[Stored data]
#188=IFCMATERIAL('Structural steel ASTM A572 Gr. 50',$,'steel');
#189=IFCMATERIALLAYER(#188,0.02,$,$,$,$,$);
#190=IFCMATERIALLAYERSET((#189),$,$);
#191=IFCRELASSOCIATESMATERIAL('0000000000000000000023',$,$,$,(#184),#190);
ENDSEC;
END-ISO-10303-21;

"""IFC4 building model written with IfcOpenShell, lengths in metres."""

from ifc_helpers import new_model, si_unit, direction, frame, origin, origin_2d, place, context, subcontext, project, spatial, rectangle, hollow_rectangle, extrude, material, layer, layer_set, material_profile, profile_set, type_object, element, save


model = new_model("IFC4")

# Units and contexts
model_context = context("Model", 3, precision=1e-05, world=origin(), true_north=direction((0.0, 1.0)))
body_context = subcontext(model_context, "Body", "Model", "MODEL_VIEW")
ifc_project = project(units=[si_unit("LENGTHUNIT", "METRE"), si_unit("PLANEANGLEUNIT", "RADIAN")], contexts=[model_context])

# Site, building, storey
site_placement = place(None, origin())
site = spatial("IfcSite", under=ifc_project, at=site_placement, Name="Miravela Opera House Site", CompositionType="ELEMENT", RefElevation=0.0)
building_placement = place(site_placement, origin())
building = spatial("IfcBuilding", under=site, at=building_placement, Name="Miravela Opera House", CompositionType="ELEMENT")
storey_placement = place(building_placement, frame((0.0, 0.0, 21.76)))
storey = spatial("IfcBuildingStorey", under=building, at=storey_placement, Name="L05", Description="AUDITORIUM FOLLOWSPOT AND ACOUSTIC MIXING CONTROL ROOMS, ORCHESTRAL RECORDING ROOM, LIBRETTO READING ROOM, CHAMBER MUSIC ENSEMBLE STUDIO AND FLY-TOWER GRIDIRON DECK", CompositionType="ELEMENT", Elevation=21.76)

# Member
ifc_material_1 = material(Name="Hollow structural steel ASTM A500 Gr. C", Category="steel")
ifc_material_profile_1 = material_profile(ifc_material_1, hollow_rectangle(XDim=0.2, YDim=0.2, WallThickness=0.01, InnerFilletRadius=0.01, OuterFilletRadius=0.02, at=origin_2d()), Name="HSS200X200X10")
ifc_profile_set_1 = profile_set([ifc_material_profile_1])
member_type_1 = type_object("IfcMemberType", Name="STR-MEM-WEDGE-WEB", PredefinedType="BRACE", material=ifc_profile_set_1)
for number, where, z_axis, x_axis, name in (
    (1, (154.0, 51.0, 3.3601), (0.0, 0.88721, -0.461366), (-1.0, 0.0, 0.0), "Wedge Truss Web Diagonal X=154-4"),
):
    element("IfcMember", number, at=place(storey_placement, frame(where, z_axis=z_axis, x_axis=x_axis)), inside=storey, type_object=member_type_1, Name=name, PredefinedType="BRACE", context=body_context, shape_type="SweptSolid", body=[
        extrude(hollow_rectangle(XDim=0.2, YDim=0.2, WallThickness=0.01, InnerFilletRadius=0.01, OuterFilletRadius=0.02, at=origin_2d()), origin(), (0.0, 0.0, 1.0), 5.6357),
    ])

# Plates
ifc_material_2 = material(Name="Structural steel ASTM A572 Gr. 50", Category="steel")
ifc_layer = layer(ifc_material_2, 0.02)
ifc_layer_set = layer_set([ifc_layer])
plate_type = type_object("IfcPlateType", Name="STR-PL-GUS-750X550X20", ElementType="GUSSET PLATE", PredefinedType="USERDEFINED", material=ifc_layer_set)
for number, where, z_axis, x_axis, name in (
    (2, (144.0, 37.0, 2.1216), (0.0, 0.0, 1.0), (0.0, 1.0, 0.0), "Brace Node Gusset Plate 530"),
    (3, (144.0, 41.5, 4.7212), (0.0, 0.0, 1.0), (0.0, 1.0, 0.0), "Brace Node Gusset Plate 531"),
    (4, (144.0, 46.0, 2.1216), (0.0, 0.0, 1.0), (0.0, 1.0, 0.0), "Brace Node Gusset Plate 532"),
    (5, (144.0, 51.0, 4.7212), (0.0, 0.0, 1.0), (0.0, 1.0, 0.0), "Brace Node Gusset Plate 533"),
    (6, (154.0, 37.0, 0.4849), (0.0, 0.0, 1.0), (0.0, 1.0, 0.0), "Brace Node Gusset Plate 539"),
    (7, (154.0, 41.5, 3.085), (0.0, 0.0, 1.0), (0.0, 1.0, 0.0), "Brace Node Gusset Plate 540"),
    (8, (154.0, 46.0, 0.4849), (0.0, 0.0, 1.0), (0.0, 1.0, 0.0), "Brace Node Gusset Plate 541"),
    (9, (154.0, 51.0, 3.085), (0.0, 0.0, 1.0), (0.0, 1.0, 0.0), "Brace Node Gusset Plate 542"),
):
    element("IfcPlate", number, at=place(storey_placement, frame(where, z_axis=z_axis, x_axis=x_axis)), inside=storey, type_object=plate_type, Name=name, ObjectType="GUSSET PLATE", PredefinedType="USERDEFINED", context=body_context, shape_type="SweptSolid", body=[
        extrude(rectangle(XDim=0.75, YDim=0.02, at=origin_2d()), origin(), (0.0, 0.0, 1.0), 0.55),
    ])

* * *

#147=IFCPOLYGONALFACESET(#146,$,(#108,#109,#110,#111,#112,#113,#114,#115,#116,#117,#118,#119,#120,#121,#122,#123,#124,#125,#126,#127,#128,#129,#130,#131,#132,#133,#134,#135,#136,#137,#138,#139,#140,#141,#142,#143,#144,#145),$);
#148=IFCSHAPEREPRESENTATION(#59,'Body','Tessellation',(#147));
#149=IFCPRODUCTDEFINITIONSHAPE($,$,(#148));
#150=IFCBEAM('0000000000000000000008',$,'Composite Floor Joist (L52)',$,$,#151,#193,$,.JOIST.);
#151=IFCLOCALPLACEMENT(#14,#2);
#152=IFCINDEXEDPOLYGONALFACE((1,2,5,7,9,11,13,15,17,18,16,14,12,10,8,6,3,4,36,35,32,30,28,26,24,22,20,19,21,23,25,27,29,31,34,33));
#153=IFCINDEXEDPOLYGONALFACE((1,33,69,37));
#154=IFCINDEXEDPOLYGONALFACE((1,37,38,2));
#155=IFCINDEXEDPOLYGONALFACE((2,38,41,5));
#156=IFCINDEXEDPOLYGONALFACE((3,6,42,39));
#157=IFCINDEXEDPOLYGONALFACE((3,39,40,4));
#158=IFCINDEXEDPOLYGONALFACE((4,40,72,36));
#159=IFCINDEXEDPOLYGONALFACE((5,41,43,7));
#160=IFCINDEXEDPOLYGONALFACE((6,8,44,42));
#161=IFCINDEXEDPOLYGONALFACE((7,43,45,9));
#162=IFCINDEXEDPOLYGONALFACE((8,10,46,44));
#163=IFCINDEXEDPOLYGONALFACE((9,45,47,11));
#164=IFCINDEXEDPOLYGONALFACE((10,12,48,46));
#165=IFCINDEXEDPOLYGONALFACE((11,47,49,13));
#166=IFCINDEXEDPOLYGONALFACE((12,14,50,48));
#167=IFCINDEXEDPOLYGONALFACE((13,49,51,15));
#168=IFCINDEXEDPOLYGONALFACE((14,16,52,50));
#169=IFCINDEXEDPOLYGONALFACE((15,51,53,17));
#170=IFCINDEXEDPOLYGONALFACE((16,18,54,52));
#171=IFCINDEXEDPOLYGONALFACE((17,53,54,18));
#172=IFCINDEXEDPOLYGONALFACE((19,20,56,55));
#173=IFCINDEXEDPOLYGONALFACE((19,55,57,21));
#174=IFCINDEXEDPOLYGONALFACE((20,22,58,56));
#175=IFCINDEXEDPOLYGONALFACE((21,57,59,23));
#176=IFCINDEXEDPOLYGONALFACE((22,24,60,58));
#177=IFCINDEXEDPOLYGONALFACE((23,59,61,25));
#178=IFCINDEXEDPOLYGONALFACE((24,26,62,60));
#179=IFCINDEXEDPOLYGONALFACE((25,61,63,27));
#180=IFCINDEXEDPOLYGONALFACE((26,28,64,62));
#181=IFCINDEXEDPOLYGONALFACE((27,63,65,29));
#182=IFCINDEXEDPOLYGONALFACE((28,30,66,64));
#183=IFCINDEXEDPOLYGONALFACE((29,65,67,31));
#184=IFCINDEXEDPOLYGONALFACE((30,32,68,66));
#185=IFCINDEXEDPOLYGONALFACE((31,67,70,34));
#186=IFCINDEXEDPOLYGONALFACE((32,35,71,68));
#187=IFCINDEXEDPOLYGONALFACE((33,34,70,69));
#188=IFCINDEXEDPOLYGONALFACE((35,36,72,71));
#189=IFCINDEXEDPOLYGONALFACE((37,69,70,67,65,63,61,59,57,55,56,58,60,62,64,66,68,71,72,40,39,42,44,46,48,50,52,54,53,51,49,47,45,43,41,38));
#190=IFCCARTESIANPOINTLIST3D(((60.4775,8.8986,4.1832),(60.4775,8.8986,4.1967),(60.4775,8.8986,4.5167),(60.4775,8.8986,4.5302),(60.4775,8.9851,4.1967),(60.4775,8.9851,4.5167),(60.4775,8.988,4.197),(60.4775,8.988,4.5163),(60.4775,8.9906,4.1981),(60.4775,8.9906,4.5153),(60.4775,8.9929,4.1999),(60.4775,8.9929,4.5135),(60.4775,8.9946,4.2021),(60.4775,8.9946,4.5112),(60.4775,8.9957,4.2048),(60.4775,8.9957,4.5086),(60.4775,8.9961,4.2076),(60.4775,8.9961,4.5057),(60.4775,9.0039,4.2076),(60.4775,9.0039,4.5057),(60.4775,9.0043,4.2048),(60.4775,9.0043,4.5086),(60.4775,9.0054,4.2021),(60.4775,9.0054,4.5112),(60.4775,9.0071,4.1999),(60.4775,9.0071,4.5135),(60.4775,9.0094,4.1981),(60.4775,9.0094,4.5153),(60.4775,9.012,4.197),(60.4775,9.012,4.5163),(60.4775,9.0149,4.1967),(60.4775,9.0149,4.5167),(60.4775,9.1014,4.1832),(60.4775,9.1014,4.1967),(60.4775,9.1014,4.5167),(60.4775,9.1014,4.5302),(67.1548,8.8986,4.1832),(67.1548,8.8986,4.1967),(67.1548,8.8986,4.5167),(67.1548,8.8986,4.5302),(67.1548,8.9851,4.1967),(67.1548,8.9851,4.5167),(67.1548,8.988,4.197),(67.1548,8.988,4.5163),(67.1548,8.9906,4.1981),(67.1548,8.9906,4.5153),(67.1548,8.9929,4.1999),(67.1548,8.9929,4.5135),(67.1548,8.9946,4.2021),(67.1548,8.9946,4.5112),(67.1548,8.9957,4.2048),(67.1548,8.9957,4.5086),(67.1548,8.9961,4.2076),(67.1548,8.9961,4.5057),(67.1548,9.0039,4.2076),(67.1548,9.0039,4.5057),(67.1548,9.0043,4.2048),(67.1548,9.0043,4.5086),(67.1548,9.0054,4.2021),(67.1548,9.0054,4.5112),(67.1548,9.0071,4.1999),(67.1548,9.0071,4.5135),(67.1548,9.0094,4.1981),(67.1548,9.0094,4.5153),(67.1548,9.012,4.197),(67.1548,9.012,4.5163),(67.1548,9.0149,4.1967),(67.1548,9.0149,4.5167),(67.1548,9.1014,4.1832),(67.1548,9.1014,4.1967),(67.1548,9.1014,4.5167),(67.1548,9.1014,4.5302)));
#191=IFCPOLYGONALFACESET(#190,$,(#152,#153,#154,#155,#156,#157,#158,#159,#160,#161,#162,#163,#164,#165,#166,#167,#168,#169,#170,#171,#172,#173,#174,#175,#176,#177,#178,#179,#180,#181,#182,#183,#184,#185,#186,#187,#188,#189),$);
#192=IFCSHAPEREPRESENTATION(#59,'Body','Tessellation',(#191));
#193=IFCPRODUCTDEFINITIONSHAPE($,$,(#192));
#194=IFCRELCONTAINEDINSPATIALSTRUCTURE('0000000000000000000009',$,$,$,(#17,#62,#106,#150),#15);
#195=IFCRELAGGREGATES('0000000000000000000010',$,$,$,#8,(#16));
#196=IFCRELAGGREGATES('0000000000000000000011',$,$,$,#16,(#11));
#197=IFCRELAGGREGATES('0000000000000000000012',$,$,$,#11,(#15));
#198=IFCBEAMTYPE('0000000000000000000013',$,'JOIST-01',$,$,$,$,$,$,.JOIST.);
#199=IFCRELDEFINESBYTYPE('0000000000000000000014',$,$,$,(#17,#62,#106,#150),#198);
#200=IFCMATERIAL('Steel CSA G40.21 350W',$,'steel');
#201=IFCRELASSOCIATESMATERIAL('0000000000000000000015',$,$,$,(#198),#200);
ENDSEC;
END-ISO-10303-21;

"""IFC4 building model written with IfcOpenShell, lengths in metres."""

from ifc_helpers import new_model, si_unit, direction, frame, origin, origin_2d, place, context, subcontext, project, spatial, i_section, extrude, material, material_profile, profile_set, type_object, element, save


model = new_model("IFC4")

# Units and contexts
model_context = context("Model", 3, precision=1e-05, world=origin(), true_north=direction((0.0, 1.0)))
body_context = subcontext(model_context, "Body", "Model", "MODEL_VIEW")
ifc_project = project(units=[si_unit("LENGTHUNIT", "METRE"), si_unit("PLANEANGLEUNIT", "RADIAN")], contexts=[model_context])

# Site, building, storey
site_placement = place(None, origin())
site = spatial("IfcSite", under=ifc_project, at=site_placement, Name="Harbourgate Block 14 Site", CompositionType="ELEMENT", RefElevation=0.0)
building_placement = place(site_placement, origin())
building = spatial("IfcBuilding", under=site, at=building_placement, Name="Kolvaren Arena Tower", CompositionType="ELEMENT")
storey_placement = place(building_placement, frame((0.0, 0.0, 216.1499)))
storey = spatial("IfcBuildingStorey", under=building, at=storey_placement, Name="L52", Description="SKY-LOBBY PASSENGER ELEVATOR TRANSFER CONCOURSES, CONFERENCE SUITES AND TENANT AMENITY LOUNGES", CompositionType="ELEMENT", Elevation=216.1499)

- **What the task asks**
Take the stretch of lines above from the one containing "#200=IFCMATERIAL('Steel CSA G40.21" through the one containing "frame((0.0, 0.0, 216.1499)))" and repeat it exactly, adding no other line.

- **Written reply**
#200=IFCMATERIAL('Steel CSA G40.21 350W',$,'steel');
#201=IFCRELASSOCIATESMATERIAL('0000000000000000000015',$,$,$,(#198),#200);
ENDSEC;
END-ISO-10303-21;

"""IFC4 building model written with IfcOpenShell, lengths in metres."""

from ifc_helpers import new_model, si_unit, direction, frame, origin, origin_2d, place, context, subcontext, project, spatial, i_section, extrude, material, material_profile, profile_set, type_object, element, save


model = new_model("IFC4")

# Units and contexts
model_context = context("Model", 3, precision=1e-05, world=origin(), true_north=direction((0.0, 1.0)))
body_context = subcontext(model_context, "Body", "Model", "MODEL_VIEW")
ifc_project = project(units=[si_unit("LENGTHUNIT", "METRE"), si_unit("PLANEANGLEUNIT", "RADIAN")], contexts=[model_context])

# Site, building, storey
site_placement = place(None, origin())
site = spatial("IfcSite", under=ifc_project, at=site_placement, Name="Harbourgate Block 14 Site", CompositionType="ELEMENT", RefElevation=0.0)
building_placement = place(site_placement, origin())
building = spatial("IfcBuilding", under=site, at=building_placement, Name="Kolvaren Arena Tower", CompositionType="ELEMENT")
storey_placement = place(building_placement, frame((0.0, 0.0, 216.1499)))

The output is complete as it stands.